- **Exercise instructions**: From the records below, take each line where the string "ELEMENT" shows up and copy it.

Dataset entries
==========

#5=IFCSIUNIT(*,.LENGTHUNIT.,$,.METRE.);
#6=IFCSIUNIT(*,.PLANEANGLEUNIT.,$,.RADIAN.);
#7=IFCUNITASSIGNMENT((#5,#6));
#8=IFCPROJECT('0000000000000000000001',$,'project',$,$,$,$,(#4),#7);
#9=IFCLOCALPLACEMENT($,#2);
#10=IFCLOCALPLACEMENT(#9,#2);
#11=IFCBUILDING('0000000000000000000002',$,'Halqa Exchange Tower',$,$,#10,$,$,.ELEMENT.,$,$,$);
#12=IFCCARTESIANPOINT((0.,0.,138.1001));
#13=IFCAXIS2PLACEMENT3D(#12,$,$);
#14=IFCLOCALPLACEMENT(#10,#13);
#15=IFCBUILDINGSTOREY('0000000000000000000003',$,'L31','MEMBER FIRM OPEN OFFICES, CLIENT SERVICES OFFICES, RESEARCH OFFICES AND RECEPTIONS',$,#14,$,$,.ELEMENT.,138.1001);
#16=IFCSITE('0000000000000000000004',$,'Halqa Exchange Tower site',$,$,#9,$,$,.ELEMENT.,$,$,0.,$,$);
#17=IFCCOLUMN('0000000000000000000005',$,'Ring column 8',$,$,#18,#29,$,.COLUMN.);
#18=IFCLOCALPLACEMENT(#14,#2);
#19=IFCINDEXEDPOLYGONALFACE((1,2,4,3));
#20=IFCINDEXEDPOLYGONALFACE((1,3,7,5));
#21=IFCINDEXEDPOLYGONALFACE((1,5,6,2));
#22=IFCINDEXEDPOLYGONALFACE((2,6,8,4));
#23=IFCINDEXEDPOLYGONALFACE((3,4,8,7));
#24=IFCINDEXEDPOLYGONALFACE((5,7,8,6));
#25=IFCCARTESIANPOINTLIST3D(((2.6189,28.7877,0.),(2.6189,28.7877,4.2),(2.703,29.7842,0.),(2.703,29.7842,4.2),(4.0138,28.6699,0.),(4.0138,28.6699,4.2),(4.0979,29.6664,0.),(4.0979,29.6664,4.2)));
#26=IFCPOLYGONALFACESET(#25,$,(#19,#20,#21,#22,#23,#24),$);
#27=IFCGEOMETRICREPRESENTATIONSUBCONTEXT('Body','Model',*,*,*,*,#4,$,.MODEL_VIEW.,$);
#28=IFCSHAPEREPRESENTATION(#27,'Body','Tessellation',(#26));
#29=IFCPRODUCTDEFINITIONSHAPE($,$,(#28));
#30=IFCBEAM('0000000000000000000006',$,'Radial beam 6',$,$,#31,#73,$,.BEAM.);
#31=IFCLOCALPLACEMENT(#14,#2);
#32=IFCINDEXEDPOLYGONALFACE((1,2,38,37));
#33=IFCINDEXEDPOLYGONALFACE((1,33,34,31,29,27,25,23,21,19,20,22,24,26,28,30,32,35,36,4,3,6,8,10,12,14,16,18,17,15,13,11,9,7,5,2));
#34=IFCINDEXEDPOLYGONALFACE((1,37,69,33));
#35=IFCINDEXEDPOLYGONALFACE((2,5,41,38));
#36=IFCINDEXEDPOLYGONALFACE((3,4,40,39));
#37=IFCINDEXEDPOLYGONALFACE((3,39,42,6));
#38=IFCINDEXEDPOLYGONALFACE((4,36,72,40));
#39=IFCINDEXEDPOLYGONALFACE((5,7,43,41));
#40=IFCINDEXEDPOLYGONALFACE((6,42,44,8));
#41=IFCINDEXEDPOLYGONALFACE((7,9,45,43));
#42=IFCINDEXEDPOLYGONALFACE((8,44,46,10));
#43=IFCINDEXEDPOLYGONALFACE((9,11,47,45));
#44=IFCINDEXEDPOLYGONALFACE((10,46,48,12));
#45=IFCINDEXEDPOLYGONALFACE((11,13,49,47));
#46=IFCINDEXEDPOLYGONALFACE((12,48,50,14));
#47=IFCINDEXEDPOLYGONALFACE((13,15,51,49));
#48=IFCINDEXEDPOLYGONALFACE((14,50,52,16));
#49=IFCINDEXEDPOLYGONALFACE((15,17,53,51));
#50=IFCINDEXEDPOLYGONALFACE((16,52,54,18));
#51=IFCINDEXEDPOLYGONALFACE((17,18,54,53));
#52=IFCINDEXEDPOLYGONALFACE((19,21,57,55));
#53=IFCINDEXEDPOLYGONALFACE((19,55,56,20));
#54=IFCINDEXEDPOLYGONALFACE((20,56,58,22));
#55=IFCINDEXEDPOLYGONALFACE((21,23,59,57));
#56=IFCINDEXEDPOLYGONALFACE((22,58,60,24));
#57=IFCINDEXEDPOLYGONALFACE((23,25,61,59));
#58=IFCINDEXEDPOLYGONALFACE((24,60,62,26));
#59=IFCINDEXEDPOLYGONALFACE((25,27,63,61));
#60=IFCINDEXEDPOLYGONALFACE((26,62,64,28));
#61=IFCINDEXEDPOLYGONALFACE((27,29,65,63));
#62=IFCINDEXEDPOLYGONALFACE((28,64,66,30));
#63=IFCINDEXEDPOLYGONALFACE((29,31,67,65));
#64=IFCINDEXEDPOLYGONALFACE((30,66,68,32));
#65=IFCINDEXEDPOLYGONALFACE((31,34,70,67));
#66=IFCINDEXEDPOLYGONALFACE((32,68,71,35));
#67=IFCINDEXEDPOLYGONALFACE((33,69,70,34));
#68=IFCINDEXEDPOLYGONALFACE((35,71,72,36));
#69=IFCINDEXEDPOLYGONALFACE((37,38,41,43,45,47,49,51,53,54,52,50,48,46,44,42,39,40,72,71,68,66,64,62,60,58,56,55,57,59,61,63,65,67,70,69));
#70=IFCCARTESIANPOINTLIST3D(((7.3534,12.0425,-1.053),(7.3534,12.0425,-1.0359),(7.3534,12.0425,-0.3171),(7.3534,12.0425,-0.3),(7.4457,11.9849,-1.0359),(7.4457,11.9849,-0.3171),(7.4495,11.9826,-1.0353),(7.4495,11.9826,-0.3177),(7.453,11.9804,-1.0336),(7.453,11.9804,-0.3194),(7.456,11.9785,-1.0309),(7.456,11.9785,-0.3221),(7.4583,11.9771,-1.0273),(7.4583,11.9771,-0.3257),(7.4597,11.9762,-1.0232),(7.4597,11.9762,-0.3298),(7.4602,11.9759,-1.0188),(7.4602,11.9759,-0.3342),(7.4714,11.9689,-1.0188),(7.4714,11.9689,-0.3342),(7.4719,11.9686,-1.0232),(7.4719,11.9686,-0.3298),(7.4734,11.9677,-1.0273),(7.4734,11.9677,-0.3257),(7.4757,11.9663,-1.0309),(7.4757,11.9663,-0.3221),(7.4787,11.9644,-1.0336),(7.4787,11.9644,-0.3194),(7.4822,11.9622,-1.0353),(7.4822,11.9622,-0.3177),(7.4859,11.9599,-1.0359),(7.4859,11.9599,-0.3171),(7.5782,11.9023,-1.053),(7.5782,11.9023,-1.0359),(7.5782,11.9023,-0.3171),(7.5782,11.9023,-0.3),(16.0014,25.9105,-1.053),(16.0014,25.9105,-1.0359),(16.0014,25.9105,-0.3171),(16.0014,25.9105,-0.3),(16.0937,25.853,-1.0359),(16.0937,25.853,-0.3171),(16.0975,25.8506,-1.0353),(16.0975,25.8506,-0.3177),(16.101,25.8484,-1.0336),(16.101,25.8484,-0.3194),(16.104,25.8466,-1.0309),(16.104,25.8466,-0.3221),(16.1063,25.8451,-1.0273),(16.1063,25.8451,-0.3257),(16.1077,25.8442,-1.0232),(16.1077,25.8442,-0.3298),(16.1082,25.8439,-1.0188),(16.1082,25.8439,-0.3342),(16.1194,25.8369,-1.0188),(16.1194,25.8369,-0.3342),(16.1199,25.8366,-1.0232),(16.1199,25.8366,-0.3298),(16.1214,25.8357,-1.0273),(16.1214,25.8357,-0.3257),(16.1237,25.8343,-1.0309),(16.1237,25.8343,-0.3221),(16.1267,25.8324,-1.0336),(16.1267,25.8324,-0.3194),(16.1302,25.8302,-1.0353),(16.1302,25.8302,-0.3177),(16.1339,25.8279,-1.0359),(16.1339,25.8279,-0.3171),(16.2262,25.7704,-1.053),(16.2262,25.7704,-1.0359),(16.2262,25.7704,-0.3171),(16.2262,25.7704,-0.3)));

==========

- **Exercise answer**:
#11=IFCBUILDING('0000000000000000000002',$,'Halqa Exchange Tower',$,$,#10,$,$,.ELEMENT.,$,$,$);
#15=IFCBUILDINGSTOREY('0000000000000000000003',$,'L31','MEMBER FIRM OPEN OFFICES, CLIENT SERVICES OFFICES, RESEARCH OFFICES AND RECEPTIONS',$,#14,$,$,.ELEMENT.,138.1001);
#16=IFCSITE('0000000000000000000004',$,'Halqa Exchange Tower site',$,$,#9,$,$,.ELEMENT.,$,$,0.,$,$);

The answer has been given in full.